§ **WHAT YOU HAVE TO DO**: In the listing below, find the line with "#133=IFCINDEXEDPOLYGONALFACE((5,6,11,12,7,8,24,23,16,15,22,21));" and the line with "#139=IFCINDEXEDPOLYGONALFACE((19,23,24,20));". Repeat those two lines and all lines between them exactly.

§ **THE INPUT**:
-- Opening Marker --
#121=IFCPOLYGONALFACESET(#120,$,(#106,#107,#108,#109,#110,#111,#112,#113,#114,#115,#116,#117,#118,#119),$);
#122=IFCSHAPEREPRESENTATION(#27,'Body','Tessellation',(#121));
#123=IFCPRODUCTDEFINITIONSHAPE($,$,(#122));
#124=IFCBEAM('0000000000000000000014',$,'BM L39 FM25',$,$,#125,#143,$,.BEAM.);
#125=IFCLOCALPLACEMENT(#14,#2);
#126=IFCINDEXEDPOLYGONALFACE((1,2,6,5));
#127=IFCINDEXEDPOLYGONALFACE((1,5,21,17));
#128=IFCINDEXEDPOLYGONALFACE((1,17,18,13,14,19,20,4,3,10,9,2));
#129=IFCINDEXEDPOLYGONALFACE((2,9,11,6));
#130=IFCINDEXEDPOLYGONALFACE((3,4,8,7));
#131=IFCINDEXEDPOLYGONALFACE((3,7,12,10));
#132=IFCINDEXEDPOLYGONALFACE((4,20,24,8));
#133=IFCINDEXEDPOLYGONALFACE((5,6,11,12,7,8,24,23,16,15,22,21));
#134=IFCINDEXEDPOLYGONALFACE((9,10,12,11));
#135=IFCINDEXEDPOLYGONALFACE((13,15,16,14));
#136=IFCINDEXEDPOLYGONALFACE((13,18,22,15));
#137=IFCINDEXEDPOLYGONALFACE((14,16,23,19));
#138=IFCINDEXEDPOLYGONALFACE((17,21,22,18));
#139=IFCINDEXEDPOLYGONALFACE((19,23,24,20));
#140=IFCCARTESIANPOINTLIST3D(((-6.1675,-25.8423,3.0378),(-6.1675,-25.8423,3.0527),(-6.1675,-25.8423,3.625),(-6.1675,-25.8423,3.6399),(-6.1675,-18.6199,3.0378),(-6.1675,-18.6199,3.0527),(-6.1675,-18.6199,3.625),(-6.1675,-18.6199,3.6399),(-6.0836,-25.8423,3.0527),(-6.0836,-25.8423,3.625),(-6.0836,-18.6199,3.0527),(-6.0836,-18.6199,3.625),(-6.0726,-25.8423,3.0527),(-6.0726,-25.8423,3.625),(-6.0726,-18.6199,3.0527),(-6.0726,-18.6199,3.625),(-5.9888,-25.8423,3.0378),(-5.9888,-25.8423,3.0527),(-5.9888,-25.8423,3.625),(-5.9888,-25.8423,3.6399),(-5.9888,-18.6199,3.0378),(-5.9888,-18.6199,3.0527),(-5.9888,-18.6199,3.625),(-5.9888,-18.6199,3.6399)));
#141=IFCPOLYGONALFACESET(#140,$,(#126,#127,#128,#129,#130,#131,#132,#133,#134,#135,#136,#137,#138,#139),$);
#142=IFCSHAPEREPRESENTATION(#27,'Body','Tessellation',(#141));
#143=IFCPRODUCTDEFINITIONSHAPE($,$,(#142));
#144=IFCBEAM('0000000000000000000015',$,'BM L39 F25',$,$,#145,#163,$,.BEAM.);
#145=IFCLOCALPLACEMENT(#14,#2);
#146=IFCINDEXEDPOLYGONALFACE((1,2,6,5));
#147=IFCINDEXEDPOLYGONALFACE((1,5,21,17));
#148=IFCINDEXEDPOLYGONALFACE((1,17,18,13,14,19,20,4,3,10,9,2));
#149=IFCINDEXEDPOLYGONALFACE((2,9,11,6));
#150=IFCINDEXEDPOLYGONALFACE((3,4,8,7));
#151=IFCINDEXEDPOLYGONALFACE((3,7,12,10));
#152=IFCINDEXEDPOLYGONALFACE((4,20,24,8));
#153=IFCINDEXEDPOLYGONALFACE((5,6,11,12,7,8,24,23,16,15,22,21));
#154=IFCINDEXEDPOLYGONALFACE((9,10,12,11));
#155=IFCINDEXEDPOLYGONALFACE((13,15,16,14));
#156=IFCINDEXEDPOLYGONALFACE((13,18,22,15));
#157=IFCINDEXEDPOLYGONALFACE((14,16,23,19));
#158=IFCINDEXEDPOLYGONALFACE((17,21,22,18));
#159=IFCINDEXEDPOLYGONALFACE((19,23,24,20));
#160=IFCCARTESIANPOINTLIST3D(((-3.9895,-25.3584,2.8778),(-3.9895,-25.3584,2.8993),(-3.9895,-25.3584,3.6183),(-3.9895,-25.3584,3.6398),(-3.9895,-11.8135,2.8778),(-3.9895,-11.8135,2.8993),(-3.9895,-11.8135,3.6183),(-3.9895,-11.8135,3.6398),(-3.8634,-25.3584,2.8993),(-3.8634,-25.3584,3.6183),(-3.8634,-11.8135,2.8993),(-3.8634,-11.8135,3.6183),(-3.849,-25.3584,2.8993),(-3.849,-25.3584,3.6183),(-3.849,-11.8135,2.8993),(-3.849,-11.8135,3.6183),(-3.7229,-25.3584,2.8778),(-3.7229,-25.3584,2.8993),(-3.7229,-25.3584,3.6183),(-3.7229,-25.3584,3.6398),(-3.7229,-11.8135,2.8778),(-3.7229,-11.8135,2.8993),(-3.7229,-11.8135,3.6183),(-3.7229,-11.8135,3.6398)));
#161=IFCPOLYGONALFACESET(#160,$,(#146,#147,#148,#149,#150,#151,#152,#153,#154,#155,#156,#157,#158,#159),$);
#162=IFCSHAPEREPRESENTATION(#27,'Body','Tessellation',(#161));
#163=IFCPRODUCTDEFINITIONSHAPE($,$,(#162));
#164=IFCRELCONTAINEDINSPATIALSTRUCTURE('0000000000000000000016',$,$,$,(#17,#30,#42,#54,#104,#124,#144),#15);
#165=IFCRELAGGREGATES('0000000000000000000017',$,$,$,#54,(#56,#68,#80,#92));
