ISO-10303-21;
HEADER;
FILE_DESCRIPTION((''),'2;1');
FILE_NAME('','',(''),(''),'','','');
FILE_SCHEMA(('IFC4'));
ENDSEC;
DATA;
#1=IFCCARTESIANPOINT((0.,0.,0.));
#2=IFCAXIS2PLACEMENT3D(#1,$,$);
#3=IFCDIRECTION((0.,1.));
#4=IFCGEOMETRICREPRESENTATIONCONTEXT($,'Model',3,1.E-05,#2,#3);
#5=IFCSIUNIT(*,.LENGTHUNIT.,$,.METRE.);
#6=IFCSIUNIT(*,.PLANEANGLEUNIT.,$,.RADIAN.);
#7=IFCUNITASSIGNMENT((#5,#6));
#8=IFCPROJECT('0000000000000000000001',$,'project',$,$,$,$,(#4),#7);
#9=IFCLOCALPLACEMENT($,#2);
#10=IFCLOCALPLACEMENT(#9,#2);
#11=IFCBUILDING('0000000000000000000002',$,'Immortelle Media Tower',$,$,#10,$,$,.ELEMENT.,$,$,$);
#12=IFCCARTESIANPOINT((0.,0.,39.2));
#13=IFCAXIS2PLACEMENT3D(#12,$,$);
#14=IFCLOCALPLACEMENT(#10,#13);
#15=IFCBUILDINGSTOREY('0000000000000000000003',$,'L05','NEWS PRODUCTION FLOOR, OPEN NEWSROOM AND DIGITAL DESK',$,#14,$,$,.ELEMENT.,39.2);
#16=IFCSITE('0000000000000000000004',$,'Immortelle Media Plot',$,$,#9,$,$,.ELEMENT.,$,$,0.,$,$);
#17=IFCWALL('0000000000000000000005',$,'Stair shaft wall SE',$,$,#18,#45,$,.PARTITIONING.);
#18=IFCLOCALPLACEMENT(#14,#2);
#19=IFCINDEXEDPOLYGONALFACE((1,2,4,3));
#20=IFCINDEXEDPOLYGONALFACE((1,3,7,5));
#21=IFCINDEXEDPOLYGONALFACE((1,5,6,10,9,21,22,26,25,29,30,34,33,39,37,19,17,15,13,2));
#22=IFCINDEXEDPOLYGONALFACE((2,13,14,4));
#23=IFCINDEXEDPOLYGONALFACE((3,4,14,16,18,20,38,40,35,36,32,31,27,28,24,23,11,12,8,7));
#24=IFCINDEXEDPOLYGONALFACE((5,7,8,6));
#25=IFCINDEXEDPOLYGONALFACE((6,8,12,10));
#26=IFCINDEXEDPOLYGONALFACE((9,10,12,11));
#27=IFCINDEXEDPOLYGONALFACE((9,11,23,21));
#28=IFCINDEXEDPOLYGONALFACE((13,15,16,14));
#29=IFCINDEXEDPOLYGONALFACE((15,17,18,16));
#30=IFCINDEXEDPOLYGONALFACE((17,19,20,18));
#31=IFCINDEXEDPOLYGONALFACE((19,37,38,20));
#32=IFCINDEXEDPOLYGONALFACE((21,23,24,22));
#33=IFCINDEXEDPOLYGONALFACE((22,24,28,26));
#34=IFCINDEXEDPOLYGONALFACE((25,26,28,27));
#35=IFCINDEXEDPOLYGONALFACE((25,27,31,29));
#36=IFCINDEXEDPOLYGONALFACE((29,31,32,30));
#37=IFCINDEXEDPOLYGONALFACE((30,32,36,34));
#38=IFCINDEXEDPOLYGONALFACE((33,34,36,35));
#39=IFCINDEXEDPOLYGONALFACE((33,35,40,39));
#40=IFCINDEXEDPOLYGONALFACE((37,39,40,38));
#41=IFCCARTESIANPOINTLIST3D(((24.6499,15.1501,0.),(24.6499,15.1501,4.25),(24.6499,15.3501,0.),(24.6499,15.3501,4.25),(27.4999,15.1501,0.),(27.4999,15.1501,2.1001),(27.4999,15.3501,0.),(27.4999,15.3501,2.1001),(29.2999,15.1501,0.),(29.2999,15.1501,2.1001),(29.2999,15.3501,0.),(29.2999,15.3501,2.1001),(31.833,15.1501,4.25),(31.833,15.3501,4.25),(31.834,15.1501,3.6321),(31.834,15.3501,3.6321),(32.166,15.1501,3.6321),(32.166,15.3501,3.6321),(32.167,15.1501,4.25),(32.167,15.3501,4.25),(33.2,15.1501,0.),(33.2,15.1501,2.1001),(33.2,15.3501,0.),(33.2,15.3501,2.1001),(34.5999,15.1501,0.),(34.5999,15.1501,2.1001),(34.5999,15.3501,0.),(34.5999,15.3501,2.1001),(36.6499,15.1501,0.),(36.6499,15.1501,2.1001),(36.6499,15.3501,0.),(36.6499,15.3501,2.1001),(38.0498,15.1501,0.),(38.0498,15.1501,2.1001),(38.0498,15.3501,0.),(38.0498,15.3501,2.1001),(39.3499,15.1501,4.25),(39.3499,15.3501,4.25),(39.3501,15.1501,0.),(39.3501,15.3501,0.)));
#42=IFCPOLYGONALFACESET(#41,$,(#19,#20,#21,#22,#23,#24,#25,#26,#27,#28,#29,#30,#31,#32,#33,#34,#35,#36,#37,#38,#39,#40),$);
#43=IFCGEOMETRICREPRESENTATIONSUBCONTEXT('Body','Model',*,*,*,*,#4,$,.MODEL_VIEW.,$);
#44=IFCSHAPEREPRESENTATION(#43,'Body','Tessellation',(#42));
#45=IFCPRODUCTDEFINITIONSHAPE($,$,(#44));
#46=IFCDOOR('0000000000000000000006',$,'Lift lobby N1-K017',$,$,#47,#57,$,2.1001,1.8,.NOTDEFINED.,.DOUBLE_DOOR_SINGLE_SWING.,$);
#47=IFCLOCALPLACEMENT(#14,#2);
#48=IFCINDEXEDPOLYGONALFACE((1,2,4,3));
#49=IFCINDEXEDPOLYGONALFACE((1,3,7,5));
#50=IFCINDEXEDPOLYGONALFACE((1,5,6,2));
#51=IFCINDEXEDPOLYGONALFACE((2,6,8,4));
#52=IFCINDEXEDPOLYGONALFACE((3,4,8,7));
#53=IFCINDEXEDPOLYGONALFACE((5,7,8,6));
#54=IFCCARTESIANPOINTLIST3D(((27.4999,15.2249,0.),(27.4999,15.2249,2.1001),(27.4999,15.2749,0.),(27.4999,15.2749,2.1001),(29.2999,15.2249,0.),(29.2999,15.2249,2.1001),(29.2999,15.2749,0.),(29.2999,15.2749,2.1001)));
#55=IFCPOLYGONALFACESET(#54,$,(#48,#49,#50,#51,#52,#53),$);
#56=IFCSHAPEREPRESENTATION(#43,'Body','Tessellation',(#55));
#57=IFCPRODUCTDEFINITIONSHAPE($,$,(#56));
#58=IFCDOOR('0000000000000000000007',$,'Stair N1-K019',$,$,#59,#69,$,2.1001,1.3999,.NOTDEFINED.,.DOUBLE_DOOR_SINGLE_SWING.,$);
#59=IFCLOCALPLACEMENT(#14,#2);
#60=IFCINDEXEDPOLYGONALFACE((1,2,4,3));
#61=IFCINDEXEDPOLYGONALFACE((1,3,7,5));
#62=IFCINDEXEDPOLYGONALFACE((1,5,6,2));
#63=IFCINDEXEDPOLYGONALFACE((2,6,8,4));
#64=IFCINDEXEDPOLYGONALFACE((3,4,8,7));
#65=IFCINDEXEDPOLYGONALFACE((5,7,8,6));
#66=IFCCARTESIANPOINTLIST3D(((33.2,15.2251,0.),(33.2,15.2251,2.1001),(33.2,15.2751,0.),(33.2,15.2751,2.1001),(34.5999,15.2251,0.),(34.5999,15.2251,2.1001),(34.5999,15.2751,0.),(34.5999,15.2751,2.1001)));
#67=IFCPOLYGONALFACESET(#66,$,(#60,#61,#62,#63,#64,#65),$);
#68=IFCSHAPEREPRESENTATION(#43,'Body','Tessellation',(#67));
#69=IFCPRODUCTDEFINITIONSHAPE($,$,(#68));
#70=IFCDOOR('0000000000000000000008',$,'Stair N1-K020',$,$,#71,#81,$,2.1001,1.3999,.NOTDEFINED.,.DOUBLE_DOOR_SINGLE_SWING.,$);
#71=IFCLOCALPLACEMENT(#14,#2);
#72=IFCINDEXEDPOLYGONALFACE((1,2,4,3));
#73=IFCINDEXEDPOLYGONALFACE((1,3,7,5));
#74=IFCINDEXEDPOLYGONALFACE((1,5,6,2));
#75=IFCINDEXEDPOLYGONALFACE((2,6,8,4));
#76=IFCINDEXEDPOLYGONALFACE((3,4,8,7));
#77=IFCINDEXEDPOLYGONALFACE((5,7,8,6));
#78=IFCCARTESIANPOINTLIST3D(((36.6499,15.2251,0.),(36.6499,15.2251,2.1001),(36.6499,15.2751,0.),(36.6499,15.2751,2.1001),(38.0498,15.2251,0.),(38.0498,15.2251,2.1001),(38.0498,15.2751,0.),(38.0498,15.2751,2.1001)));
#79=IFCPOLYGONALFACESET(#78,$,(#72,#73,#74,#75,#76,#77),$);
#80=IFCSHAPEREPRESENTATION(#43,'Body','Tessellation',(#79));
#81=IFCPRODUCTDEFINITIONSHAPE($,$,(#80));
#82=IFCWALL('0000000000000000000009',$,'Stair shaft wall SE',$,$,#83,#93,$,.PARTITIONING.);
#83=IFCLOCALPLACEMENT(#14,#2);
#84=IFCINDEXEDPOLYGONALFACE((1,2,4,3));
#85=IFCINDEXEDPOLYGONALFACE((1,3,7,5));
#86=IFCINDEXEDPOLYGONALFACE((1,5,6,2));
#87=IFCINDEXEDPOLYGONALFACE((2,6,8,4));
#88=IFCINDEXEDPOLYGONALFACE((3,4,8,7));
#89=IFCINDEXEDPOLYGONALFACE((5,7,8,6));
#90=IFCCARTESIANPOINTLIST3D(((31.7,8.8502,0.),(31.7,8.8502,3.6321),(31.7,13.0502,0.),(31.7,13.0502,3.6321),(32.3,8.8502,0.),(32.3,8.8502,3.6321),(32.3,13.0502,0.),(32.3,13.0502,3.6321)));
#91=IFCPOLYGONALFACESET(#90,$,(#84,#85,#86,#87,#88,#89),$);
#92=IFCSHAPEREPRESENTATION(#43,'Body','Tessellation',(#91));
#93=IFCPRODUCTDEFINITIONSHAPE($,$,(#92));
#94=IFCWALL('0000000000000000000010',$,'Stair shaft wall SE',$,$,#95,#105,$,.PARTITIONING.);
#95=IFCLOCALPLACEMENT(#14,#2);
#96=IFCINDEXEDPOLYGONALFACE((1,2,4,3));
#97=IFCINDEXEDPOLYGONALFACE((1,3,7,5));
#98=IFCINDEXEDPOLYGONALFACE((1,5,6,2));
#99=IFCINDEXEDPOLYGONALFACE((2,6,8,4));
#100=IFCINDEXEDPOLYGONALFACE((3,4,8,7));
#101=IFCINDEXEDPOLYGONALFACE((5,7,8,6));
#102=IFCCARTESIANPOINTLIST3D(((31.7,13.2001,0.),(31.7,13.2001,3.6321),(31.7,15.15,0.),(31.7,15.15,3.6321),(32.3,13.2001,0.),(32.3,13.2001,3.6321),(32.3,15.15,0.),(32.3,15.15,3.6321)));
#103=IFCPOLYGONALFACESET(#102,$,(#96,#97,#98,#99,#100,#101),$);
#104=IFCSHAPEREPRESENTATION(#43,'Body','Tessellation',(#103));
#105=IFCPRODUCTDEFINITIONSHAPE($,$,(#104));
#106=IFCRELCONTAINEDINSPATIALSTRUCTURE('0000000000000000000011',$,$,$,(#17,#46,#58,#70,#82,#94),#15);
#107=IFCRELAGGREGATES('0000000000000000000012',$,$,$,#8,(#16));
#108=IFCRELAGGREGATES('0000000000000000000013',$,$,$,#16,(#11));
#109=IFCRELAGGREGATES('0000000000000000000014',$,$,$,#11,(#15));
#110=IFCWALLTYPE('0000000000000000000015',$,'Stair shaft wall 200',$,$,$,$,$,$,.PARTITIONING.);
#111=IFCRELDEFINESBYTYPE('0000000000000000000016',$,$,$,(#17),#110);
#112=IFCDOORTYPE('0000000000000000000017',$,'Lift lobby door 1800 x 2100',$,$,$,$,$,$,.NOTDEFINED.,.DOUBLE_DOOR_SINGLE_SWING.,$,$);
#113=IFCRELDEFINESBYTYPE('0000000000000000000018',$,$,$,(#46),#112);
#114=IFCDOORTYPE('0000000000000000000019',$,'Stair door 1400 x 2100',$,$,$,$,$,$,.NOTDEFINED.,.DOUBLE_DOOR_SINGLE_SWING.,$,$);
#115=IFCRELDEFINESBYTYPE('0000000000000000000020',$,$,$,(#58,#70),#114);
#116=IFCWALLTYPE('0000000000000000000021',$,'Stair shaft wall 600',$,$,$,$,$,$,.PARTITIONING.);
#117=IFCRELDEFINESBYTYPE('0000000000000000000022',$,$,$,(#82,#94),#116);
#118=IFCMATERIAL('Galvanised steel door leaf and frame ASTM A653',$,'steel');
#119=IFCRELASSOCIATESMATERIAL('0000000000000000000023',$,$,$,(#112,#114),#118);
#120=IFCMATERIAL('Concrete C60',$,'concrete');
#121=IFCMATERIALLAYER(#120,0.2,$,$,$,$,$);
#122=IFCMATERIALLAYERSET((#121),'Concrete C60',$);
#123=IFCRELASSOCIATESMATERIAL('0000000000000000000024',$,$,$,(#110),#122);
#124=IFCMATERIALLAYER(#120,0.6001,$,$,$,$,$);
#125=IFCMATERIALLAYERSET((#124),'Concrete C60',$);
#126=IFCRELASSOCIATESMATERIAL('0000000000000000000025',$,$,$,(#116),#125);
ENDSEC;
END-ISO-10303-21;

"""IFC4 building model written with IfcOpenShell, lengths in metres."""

from ifc_helpers import new_model, si_unit, direction, frame, frame_2d, origin, place, context, subcontext, project, spatial, polyline, rectangle, outline, extrude, material, layer, layer_set, type_object, element, fill, save


model = new_model("IFC4")

# Units and contexts
model_context = context("Model", 3, precision=1e-05, world=origin(), true_north=direction((0.0, 1.0)))
body_context = subcontext(model_context, "Body", "Model", "MODEL_VIEW")
ifc_project = project(units=[si_unit("LENGTHUNIT", "METRE"), si_unit("PLANEANGLEUNIT", "RADIAN")], contexts=[model_context])

# Site, building, storey
site_placement = place(None, origin())
site = spatial("IfcSite", under=ifc_project, at=site_placement, Name="Immortelle Media Plot", CompositionType="ELEMENT", RefElevation=0.0)
building_placement = place(site_placement, origin())
building = spatial("IfcBuilding", under=site, at=building_placement, Name="Immortelle Media Tower", CompositionType="ELEMENT")
storey_placement = place(building_placement, frame((0.0, 0.0, 39.2)))
storey = spatial("IfcBuildingStorey", under=building, at=storey_placement, Name="L05", Description="NEWS PRODUCTION FLOOR, OPEN NEWSROOM AND DIGITAL DESK", CompositionType="ELEMENT", Elevation=39.2)

# Shared definitions
ifc_material_1 = material(Name="Galvanised steel door leaf and frame ASTM A653", Category="steel")

# Shared definitions
door_type_1 = type_object("IfcDoorType", Name="Lift lobby door 1800 x 2100", OperationType="DOUBLE_DOOR_SINGLE_SWING", PredefinedType="NOTDEFINED", material=ifc_material_1)

# Shared definitions
ifc_material_2 = material(Name="Concrete C60", Category="concrete")
ifc_layer_1 = layer(ifc_material_2, 0.2)
ifc_layer_set_1 = layer_set([ifc_layer_1], Name="Concrete C60")
wall_type_1 = type_object("IfcWallType", Name="Stair shaft wall 200", PredefinedType="PARTITIONING", material=ifc_layer_set_1)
-- Closing Marker --
§ **TASK OUTPUT**:
#133=IFCINDEXEDPOLYGONALFACE((5,6,11,12,7,8,24,23,16,15,22,21));
#134=IFCINDEXEDPOLYGONALFACE((9,10,12,11));
#135=IFCINDEXEDPOLYGONALFACE((13,15,16,14));
#136=IFCINDEXEDPOLYGONALFACE((13,18,22,15));
#137=IFCINDEXEDPOLYGONALFACE((14,16,23,19));
#138=IFCINDEXEDPOLYGONALFACE((17,21,22,18));
#139=IFCINDEXEDPOLYGONALFACE((19,23,24,20));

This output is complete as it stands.